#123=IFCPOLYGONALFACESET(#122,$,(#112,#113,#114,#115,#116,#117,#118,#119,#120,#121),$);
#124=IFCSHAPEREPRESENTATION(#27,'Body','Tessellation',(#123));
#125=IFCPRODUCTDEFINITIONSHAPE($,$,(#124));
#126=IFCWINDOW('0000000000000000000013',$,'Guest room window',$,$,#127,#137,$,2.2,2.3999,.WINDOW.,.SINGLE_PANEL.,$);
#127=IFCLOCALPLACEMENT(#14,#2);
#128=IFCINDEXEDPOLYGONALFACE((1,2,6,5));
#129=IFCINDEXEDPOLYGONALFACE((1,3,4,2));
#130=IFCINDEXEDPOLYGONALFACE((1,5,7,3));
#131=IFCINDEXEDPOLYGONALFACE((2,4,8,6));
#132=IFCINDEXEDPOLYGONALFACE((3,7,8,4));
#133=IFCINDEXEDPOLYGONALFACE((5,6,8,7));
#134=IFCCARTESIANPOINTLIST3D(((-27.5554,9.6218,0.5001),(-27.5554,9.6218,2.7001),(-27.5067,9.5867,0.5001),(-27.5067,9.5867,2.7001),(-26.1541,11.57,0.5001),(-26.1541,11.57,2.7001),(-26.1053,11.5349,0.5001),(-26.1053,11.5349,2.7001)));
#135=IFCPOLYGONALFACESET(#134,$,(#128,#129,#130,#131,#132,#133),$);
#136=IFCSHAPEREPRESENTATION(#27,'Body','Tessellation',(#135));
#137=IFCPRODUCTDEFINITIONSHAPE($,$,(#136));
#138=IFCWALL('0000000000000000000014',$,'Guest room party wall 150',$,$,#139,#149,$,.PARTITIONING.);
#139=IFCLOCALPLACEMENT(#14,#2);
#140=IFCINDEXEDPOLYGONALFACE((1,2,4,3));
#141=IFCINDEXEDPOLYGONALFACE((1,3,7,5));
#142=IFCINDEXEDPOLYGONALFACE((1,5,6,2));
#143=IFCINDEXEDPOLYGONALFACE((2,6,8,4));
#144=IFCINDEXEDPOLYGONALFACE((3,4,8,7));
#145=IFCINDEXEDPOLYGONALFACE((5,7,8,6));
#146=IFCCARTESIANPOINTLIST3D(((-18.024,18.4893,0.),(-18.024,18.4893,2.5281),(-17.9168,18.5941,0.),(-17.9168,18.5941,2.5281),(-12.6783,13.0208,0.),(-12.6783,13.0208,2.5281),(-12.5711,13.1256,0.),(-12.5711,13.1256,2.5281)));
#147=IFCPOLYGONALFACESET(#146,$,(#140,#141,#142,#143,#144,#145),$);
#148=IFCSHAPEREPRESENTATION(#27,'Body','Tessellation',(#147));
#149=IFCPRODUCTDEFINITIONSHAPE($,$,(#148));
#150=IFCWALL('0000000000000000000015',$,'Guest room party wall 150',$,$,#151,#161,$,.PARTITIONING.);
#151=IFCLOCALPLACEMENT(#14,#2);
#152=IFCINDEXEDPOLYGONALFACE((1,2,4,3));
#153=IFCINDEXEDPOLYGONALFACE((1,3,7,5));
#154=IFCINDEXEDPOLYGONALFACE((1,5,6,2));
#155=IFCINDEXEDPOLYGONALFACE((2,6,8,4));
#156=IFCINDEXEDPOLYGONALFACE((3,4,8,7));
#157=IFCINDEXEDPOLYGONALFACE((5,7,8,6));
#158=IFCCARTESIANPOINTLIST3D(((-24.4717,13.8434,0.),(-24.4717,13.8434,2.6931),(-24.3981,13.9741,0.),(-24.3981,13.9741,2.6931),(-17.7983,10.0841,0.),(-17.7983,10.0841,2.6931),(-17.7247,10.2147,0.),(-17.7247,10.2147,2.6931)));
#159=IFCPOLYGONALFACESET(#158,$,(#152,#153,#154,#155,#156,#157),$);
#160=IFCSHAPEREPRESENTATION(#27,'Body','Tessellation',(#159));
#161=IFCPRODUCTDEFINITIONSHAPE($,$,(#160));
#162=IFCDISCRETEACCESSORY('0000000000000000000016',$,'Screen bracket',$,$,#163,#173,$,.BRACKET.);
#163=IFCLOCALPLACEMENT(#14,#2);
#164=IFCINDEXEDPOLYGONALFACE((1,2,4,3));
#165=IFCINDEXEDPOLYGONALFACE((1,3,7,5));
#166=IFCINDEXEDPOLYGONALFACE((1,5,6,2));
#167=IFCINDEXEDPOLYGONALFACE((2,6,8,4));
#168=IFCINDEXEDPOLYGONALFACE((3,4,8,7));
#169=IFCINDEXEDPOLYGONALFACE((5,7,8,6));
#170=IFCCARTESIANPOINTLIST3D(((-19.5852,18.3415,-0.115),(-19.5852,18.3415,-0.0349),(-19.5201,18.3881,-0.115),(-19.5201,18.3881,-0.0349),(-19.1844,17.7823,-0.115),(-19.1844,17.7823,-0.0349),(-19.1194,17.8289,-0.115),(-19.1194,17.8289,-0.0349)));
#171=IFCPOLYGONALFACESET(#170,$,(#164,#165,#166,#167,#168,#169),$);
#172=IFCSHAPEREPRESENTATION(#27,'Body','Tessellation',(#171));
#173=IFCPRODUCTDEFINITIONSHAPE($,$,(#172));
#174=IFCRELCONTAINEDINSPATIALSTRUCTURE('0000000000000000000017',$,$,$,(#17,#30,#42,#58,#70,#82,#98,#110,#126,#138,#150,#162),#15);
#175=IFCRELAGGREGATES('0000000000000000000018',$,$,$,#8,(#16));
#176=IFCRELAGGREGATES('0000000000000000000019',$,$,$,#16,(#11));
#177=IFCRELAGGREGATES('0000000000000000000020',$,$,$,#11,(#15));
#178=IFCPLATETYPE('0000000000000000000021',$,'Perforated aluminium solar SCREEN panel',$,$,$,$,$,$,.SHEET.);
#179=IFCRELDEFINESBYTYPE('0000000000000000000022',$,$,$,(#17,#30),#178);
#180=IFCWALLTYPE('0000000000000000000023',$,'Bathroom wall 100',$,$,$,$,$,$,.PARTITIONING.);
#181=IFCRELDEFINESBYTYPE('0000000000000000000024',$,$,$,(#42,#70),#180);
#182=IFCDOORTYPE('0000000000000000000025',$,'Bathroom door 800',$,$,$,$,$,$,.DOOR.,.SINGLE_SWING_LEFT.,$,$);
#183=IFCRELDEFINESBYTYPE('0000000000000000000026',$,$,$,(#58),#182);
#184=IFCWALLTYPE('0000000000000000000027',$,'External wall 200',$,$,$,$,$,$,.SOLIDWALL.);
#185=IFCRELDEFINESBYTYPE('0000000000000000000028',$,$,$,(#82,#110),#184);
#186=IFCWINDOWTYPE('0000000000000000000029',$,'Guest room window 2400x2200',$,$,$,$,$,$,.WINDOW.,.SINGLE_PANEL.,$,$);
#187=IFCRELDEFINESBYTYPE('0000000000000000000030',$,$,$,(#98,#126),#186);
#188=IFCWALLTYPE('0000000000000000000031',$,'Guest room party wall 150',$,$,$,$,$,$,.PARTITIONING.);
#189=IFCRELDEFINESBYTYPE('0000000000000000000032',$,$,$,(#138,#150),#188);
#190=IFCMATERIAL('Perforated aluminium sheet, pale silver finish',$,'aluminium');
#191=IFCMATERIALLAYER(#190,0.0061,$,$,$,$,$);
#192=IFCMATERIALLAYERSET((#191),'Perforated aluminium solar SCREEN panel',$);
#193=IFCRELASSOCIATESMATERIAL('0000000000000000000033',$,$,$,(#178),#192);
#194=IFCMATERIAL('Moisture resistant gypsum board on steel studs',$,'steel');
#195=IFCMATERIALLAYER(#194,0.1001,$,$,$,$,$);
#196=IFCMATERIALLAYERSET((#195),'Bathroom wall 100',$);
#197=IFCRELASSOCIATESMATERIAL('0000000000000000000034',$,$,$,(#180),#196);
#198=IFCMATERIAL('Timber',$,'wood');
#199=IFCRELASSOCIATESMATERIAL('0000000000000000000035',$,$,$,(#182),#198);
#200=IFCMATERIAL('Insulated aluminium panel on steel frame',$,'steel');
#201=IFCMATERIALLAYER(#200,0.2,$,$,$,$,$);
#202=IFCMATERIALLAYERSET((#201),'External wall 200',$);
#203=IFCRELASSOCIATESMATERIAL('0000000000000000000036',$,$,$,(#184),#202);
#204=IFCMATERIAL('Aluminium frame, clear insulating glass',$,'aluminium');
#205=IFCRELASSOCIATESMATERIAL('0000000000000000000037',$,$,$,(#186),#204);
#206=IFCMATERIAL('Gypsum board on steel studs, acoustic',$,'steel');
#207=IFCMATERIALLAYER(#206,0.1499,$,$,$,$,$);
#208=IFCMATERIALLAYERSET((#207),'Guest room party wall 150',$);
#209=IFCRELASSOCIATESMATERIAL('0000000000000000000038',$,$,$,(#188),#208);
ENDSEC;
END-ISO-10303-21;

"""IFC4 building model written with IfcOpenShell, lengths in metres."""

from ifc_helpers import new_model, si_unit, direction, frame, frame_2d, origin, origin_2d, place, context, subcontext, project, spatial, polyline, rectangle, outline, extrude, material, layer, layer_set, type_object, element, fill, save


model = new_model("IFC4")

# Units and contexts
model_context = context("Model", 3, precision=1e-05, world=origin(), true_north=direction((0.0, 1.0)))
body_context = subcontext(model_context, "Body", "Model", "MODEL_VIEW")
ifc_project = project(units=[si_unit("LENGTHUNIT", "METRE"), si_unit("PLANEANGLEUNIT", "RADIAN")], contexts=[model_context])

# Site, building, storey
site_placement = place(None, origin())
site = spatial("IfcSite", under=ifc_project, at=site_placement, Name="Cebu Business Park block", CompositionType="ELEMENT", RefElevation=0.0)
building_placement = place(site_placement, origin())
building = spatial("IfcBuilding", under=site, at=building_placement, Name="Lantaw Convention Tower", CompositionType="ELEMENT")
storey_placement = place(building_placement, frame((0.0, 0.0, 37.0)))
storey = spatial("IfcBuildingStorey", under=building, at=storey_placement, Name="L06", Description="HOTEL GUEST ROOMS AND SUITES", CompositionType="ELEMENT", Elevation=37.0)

### TASK STATEMENT
Lines from the beginning of the data above through the line containing "#156=IFCINDEXEDPOLYGONALFACE((3,4,8,7));" are to be returned exactly, and no others.

### EXPECTED ANSWER
#123=IFCPOLYGONALFACESET(#122,$,(#112,#113,#114,#115,#116,#117,#118,#119,#120,#121),$);
#124=IFCSHAPEREPRESENTATION(#27,'Body','Tessellation',(#123));
#125=IFCPRODUCTDEFINITIONSHAPE($,$,(#124));
#126=IFCWINDOW('0000000000000000000013',$,'Guest room window',$,$,#127,#137,$,2.2,2.3999,.WINDOW.,.SINGLE_PANEL.,$);
#127=IFCLOCALPLACEMENT(#14,#2);
#128=IFCINDEXEDPOLYGONALFACE((1,2,6,5));
#129=IFCINDEXEDPOLYGONALFACE((1,3,4,2));
#130=IFCINDEXEDPOLYGONALFACE((1,5,7,3));
#131=IFCINDEXEDPOLYGONALFACE((2,4,8,6));
#132=IFCINDEXEDPOLYGONALFACE((3,7,8,4));
#133=IFCINDEXEDPOLYGONALFACE((5,6,8,7));
#134=IFCCARTESIANPOINTLIST3D(((-27.5554,9.6218,0.5001),(-27.5554,9.6218,2.7001),(-27.5067,9.5867,0.5001),(-27.5067,9.5867,2.7001),(-26.1541,11.57,0.5001),(-26.1541,11.57,2.7001),(-26.1053,11.5349,0.5001),(-26.1053,11.5349,2.7001)));
#135=IFCPOLYGONALFACESET(#134,$,(#128,#129,#130,#131,#132,#133),$);
#136=IFCSHAPEREPRESENTATION(#27,'Body','Tessellation',(#135));
#137=IFCPRODUCTDEFINITIONSHAPE($,$,(#136));
#138=IFCWALL('0000000000000000000014',$,'Guest room party wall 150',$,$,#139,#149,$,.PARTITIONING.);
#139=IFCLOCALPLACEMENT(#14,#2);
#140=IFCINDEXEDPOLYGONALFACE((1,2,4,3));
#141=IFCINDEXEDPOLYGONALFACE((1,3,7,5));
#142=IFCINDEXEDPOLYGONALFACE((1,5,6,2));
#143=IFCINDEXEDPOLYGONALFACE((2,6,8,4));
#144=IFCINDEXEDPOLYGONALFACE((3,4,8,7));
#145=IFCINDEXEDPOLYGONALFACE((5,7,8,6));
#146=IFCCARTESIANPOINTLIST3D(((-18.024,18.4893,0.),(-18.024,18.4893,2.5281),(-17.9168,18.5941,0.),(-17.9168,18.5941,2.5281),(-12.6783,13.0208,0.),(-12.6783,13.0208,2.5281),(-12.5711,13.1256,0.),(-12.5711,13.1256,2.5281)));
#147=IFCPOLYGONALFACESET(#146,$,(#140,#141,#142,#143,#144,#145),$);
#148=IFCSHAPEREPRESENTATION(#27,'Body','Tessellation',(#147));
#149=IFCPRODUCTDEFINITIONSHAPE($,$,(#148));
#150=IFCWALL('0000000000000000000015',$,'Guest room party wall 150',$,$,#151,#161,$,.PARTITIONING.);
#151=IFCLOCALPLACEMENT(#14,#2);
#152=IFCINDEXEDPOLYGONALFACE((1,2,4,3));
#153=IFCINDEXEDPOLYGONALFACE((1,3,7,5));
#154=IFCINDEXEDPOLYGONALFACE((1,5,6,2));
#155=IFCINDEXEDPOLYGONALFACE((2,6,8,4));
#156=IFCINDEXEDPOLYGONALFACE((3,4,8,7));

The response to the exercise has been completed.